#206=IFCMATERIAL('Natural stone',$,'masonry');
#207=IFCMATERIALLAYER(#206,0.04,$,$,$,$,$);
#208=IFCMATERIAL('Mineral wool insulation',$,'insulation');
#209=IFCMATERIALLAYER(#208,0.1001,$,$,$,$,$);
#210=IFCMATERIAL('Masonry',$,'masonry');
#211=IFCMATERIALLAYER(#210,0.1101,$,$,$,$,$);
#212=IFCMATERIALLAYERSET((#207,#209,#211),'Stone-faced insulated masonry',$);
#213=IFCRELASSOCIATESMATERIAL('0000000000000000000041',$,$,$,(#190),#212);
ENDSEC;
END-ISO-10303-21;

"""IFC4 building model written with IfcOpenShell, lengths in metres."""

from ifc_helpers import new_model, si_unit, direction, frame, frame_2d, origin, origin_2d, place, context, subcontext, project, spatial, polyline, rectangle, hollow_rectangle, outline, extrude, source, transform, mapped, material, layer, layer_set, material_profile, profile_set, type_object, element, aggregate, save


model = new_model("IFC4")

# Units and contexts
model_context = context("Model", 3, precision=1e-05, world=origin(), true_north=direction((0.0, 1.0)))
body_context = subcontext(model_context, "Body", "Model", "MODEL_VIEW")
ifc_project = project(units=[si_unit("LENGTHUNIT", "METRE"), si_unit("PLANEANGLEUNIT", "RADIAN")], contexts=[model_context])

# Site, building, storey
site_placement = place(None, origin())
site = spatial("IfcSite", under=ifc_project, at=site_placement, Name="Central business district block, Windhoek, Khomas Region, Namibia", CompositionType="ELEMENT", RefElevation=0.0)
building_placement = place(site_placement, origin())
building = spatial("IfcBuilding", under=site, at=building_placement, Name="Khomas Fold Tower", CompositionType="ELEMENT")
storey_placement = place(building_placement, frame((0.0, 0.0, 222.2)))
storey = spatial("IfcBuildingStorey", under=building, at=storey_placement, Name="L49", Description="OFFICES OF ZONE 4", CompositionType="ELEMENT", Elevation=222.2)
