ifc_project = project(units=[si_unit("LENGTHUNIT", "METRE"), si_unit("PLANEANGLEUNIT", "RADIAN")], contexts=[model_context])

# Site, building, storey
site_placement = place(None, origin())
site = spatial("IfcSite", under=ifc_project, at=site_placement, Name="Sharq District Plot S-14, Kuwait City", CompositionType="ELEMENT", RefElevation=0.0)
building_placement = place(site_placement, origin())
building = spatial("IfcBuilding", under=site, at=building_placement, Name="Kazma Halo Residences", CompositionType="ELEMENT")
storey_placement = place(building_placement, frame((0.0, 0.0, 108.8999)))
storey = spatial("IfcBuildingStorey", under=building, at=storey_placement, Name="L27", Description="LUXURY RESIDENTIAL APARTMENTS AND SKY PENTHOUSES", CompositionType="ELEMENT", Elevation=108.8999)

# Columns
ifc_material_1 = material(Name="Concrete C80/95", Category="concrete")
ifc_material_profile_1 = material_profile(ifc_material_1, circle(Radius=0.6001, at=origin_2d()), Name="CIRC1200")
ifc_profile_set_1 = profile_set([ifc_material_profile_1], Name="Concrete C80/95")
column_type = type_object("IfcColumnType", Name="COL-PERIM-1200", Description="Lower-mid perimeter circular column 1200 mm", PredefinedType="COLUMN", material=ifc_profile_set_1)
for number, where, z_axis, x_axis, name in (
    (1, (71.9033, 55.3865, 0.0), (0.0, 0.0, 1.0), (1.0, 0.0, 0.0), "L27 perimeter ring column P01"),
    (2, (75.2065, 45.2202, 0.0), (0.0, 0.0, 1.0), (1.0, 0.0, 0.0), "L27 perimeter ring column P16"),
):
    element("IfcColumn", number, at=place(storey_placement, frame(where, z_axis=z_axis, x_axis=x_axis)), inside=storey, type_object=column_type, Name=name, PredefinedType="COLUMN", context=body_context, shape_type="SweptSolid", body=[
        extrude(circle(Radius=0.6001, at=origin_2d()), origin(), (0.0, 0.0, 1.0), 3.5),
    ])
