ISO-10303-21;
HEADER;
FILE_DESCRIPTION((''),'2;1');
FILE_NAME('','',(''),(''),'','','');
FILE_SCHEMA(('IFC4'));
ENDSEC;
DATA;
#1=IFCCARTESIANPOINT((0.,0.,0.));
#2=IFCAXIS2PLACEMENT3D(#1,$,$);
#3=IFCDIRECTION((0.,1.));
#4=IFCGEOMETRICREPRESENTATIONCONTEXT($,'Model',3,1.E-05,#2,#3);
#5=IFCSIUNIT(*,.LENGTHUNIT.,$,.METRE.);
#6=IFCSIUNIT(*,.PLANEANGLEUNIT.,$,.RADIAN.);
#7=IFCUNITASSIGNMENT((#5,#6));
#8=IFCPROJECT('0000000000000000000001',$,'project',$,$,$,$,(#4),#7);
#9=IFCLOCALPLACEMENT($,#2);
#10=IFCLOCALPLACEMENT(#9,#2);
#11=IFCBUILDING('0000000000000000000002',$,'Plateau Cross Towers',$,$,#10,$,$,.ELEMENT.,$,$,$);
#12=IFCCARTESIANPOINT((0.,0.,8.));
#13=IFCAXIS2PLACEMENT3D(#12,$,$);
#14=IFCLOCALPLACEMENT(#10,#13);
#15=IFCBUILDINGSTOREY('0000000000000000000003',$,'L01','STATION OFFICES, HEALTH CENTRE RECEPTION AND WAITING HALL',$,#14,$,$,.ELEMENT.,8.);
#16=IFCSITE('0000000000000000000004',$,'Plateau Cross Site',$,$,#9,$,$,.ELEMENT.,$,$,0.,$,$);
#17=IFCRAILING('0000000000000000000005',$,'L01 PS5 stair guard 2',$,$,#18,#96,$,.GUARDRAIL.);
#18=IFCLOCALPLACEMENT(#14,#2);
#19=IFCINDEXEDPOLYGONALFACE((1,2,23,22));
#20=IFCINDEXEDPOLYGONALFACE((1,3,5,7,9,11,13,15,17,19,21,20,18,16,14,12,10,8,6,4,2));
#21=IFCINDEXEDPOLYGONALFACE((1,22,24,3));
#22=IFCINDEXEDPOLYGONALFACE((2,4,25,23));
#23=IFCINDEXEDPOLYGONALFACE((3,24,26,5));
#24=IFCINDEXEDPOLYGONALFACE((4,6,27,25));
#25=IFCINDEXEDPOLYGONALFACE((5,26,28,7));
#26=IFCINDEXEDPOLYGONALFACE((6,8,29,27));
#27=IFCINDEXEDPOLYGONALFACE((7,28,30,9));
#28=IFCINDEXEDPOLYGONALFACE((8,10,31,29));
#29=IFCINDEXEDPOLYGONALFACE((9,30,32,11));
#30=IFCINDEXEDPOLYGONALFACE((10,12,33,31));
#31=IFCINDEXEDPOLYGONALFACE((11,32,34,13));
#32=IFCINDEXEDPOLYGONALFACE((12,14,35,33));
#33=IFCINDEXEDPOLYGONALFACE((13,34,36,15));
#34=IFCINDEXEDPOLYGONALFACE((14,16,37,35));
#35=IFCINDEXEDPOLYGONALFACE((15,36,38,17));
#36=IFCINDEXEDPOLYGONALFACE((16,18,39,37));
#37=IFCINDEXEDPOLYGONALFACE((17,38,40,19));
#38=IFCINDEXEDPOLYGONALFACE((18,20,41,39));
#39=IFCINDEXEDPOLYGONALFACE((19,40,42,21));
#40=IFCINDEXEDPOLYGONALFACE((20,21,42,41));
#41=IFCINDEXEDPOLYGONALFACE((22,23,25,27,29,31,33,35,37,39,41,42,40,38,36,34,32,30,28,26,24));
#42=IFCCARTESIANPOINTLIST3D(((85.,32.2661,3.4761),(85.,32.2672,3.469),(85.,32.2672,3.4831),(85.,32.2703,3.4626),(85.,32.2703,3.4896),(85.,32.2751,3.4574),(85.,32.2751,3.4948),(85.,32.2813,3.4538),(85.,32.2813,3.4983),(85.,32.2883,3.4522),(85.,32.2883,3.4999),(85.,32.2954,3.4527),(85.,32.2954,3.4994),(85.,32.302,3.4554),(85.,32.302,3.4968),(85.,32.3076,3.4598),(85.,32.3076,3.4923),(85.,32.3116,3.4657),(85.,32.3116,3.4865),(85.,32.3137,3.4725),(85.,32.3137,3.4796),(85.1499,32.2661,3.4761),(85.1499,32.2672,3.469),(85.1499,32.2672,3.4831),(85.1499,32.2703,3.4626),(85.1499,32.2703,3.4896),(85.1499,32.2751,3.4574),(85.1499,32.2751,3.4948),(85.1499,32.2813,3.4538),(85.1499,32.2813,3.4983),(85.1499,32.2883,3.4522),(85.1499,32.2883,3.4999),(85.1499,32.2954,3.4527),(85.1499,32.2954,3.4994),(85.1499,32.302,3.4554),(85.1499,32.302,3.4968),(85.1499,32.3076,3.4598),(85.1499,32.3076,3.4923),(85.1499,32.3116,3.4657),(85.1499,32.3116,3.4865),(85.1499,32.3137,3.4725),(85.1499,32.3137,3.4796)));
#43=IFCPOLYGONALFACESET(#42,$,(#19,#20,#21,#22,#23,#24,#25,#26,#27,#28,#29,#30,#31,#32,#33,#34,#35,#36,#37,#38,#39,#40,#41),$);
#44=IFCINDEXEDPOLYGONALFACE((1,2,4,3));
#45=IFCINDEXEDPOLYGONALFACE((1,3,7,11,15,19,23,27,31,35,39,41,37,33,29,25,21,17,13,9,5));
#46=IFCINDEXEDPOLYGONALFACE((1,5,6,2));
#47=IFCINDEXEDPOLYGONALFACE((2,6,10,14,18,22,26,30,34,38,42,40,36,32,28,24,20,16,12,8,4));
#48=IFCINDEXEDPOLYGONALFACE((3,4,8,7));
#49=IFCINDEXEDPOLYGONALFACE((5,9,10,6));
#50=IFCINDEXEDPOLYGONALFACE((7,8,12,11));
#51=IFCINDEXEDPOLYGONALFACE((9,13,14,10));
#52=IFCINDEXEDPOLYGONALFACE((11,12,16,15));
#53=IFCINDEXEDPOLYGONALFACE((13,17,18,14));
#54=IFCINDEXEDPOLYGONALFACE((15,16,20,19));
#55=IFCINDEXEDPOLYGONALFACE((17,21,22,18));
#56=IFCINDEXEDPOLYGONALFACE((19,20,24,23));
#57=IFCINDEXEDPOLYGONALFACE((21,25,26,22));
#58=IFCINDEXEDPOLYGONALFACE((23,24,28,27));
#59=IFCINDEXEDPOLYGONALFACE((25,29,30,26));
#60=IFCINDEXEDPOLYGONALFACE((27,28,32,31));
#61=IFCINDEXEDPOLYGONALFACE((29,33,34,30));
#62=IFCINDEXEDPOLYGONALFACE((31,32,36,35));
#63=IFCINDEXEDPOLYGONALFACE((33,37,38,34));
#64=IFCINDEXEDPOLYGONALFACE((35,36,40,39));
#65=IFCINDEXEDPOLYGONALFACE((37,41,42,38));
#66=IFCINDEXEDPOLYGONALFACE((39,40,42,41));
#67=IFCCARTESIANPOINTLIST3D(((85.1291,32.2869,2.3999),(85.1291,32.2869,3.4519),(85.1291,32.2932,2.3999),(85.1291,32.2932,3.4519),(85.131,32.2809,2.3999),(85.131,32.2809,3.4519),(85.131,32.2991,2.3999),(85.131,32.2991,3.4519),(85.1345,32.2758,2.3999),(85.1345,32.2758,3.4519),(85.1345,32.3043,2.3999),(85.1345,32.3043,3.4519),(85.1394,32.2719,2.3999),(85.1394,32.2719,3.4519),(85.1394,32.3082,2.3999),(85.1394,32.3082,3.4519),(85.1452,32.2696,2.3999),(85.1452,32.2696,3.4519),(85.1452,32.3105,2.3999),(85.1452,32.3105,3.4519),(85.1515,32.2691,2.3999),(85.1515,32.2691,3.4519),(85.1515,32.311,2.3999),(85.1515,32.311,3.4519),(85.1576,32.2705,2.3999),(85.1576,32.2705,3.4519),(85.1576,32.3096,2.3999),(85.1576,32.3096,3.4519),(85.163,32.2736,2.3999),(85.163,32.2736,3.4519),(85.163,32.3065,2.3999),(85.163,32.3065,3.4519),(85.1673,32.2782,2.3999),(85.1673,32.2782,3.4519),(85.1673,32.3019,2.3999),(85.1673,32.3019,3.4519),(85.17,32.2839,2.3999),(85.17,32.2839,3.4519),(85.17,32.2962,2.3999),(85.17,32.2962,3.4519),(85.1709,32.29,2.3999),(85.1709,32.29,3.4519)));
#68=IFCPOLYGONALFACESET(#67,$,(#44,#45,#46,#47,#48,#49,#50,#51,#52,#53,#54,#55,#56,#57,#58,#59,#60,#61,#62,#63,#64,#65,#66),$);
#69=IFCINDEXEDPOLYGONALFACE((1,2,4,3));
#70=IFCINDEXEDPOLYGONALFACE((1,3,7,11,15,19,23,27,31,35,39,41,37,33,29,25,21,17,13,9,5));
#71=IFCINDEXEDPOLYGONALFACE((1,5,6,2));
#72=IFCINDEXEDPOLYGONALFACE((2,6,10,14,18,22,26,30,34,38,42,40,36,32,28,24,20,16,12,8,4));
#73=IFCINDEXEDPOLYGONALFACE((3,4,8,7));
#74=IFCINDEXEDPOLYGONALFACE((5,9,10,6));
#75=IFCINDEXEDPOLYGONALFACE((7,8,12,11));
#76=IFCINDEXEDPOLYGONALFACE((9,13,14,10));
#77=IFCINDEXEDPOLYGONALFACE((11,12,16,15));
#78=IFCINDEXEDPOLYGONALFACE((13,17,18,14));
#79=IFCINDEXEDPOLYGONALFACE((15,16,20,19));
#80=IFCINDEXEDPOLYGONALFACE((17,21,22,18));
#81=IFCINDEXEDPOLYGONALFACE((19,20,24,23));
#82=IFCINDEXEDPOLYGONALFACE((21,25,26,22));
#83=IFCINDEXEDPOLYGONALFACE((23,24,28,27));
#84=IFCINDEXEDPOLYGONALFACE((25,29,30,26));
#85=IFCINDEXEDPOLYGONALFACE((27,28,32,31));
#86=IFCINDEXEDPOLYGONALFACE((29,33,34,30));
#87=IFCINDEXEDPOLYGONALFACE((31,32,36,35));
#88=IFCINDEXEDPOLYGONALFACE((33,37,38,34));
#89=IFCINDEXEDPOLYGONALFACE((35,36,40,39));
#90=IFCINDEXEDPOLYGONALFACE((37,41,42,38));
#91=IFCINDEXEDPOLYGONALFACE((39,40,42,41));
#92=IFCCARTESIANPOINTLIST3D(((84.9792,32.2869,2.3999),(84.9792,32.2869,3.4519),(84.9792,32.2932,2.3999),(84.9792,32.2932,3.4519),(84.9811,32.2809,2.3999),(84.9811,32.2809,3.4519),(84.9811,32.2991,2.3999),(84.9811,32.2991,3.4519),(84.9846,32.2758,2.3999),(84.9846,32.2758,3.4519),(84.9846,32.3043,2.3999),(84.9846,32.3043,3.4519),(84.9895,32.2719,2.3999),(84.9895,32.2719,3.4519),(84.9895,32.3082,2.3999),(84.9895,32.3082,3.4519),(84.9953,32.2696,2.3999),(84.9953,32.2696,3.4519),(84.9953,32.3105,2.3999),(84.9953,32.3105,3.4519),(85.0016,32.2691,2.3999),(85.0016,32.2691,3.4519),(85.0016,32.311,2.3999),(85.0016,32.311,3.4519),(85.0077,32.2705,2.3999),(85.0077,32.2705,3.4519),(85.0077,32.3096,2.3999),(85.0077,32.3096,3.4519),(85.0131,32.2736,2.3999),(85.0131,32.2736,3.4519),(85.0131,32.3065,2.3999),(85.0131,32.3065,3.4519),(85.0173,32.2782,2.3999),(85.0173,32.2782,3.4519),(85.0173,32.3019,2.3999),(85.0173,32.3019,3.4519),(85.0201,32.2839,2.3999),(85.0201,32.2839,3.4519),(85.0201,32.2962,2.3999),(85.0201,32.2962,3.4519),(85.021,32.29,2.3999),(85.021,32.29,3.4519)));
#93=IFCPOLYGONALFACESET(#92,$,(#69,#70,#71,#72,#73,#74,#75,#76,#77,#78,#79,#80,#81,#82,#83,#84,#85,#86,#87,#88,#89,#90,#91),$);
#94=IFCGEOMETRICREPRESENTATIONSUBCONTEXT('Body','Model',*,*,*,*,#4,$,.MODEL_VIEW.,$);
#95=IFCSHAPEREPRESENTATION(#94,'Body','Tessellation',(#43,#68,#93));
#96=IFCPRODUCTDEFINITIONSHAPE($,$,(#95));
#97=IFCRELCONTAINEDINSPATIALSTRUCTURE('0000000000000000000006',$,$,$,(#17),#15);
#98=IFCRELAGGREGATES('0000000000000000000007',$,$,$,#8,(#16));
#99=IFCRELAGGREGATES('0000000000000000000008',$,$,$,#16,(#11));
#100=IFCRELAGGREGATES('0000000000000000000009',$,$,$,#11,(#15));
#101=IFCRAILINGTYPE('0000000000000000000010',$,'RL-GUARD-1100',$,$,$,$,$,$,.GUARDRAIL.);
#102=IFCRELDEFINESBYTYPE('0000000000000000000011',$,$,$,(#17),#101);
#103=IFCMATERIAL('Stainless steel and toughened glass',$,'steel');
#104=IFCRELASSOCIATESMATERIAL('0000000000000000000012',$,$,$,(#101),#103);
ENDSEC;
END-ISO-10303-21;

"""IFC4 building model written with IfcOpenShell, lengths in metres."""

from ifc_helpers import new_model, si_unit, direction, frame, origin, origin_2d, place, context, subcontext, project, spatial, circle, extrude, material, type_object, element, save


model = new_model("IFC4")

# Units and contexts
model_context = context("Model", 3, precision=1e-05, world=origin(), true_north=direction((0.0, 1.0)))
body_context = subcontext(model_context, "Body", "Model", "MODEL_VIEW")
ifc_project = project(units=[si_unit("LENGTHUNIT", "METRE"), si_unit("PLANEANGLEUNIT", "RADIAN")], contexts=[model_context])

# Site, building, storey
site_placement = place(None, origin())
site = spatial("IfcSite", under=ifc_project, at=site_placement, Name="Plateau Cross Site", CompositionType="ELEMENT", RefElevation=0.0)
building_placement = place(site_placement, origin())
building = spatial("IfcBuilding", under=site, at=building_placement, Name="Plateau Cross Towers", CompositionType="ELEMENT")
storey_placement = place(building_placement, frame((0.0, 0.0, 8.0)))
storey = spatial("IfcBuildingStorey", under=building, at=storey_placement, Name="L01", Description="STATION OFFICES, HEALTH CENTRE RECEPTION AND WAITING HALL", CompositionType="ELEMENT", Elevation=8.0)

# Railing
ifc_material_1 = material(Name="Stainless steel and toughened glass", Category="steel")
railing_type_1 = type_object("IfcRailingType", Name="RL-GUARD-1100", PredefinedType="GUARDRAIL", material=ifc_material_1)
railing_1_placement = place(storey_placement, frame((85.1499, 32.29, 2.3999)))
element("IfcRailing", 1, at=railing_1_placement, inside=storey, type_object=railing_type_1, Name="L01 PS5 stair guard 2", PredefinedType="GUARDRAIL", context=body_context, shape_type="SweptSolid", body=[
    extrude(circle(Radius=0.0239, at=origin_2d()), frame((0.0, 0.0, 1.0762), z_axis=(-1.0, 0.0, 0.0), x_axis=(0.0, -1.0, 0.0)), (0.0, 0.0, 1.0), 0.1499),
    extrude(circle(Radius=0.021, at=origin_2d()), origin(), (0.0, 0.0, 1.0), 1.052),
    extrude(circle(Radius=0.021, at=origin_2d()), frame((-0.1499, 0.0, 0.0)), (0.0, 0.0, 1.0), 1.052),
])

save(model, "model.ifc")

· · · ·

* **Task objective**
Reproduce the lines of the entries above from the one with "#78=IFCINDEXEDPOLYGONALFACE((13,17,18,14));" to the one with "#86=IFCINDEXEDPOLYGONALFACE((29,33,34,30));", both included, exactly and without any other line.

* **Worked solution**
#78=IFCINDEXEDPOLYGONALFACE((13,17,18,14));
#79=IFCINDEXEDPOLYGONALFACE((15,16,20,19));
#80=IFCINDEXEDPOLYGONALFACE((17,21,22,18));
#81=IFCINDEXEDPOLYGONALFACE((19,20,24,23));
#82=IFCINDEXEDPOLYGONALFACE((21,25,26,22));
#83=IFCINDEXEDPOLYGONALFACE((23,24,28,27));
#84=IFCINDEXEDPOLYGONALFACE((25,29,30,26));
#85=IFCINDEXEDPOLYGONALFACE((27,28,32,31));
#86=IFCINDEXEDPOLYGONALFACE((29,33,34,30));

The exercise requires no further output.